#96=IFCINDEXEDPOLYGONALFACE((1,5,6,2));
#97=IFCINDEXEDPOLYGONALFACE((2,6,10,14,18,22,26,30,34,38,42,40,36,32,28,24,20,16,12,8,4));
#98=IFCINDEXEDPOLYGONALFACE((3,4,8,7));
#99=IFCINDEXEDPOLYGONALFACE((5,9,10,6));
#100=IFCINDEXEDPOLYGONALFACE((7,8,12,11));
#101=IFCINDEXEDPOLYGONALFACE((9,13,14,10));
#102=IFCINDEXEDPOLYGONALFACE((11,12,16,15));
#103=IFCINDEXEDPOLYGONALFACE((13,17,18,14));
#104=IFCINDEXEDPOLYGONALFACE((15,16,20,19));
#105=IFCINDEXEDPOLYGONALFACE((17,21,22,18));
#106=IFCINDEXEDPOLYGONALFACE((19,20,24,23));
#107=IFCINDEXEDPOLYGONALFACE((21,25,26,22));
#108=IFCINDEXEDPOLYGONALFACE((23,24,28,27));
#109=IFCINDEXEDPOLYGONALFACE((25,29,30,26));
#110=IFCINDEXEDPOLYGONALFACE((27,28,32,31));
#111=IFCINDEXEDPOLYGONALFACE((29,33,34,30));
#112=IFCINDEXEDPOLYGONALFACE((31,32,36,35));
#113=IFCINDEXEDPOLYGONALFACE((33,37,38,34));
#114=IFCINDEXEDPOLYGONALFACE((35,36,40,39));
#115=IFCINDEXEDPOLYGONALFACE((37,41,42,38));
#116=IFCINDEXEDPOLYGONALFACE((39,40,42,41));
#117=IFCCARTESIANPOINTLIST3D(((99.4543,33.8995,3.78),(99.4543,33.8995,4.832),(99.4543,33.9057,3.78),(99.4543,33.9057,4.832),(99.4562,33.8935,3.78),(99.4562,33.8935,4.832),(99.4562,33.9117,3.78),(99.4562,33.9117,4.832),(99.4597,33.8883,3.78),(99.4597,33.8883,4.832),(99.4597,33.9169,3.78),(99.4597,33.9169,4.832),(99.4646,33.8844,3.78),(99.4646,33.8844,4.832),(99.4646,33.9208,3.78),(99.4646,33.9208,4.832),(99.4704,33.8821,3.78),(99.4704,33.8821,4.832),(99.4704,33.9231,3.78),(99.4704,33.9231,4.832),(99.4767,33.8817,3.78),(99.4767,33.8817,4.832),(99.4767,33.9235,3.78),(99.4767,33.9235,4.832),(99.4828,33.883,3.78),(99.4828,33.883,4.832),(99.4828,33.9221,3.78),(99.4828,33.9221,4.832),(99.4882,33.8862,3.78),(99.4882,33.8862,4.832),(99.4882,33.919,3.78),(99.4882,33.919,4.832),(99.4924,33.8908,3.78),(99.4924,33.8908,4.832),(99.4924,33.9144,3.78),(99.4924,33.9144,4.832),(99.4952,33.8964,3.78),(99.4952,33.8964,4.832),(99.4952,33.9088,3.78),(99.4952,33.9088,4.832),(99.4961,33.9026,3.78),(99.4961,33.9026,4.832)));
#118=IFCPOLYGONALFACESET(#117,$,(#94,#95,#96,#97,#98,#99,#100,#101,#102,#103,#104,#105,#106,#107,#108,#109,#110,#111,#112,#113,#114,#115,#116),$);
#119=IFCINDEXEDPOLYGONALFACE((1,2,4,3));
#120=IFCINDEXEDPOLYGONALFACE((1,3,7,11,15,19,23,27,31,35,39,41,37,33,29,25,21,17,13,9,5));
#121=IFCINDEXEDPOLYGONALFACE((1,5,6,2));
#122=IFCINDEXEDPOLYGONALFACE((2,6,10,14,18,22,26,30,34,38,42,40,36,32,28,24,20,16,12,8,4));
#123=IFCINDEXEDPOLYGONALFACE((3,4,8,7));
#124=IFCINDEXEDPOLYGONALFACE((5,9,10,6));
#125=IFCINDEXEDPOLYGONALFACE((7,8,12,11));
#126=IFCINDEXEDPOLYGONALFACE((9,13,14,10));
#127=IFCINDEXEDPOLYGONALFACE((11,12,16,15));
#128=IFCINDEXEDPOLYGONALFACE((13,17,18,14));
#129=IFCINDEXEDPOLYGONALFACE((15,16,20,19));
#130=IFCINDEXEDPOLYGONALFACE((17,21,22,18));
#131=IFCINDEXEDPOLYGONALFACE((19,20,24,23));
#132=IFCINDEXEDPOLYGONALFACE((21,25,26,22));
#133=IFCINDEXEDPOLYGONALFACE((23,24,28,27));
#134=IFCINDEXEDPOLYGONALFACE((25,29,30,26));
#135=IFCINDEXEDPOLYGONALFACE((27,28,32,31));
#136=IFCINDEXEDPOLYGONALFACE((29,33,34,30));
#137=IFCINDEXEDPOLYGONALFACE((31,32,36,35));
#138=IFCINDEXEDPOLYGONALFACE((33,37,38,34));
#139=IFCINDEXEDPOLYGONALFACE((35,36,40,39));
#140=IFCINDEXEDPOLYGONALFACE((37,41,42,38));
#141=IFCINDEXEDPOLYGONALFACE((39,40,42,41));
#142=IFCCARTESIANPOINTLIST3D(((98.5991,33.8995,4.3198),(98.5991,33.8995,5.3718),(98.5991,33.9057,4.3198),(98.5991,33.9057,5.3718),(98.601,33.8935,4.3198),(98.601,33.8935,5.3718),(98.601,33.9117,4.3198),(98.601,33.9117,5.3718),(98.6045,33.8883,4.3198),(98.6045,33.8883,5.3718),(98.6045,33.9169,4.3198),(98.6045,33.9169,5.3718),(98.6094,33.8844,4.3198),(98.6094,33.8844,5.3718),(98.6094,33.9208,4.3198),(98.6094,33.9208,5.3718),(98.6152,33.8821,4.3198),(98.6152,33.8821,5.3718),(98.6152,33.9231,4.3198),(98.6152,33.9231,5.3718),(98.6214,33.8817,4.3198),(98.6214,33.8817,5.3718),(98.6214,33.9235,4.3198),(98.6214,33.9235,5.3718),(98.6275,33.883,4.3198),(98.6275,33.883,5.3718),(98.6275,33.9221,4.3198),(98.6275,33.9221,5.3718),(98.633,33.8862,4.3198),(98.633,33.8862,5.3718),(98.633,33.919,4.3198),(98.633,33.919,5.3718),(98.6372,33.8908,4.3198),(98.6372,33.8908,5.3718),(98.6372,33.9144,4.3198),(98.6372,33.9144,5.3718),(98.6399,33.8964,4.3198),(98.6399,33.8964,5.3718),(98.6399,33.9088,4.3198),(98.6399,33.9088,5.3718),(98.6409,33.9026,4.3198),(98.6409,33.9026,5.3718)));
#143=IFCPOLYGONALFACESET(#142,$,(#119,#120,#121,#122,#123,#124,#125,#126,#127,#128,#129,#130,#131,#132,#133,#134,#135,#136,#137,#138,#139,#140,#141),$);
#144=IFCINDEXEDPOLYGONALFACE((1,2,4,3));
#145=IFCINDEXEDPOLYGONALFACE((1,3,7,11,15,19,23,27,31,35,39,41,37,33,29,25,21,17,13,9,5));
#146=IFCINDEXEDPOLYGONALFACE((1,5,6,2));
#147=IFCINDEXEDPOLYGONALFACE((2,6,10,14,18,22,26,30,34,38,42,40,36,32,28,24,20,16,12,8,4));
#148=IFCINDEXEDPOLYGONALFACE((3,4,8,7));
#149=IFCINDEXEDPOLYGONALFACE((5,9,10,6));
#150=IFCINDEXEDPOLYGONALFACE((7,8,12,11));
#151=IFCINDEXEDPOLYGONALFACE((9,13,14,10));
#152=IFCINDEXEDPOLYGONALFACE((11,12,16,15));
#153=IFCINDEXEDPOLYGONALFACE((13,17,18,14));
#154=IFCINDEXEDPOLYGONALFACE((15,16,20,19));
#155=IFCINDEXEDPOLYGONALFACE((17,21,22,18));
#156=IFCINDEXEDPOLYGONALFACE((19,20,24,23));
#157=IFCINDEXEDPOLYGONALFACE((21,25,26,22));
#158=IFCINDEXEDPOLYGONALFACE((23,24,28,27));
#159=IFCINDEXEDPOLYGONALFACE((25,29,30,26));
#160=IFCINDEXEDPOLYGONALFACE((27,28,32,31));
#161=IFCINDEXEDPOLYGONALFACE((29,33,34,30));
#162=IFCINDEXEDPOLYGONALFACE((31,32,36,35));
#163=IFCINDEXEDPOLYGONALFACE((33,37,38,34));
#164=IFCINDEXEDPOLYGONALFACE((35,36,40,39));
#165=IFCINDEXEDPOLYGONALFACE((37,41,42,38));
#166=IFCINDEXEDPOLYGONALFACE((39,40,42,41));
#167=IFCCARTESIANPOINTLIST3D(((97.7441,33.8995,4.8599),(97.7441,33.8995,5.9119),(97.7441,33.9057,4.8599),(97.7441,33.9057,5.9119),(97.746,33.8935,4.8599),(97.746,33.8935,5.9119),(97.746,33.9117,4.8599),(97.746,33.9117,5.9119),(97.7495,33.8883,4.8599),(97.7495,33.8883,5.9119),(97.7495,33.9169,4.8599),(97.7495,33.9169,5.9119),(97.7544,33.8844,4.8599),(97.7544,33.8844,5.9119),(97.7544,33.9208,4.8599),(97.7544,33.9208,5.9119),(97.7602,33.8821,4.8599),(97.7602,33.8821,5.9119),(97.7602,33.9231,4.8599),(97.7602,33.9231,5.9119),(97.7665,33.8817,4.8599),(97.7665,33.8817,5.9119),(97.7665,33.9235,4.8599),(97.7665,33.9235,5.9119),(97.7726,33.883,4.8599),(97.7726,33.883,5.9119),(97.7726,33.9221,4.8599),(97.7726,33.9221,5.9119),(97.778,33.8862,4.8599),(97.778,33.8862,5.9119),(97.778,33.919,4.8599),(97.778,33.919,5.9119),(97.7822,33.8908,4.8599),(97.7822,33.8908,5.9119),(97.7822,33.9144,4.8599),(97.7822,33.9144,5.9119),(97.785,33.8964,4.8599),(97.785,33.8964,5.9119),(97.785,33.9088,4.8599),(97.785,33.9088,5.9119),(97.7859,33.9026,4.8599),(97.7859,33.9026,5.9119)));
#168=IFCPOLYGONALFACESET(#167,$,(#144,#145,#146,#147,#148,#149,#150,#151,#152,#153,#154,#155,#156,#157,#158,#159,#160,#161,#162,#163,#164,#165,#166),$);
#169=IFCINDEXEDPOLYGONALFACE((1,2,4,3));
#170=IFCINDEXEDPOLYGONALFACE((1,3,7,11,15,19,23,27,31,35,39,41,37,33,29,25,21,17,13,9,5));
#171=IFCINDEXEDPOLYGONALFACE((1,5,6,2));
==================================================
Exercise requirements:
Repeat, word for word, the lines above between the line holding "#108=IFCINDEXEDPOLYGONALFACE((23,24,28,27));" and the line holding "#113=IFCINDEXEDPOLYGONALFACE((33,37,38,34));", inclusive; omit everything else.

Response area:
#108=IFCINDEXEDPOLYGONALFACE((23,24,28,27));
#109=IFCINDEXEDPOLYGONALFACE((25,29,30,26));
#110=IFCINDEXEDPOLYGONALFACE((27,28,32,31));
#111=IFCINDEXEDPOLYGONALFACE((29,33,34,30));
#112=IFCINDEXEDPOLYGONALFACE((31,32,36,35));
#113=IFCINDEXEDPOLYGONALFACE((33,37,38,34));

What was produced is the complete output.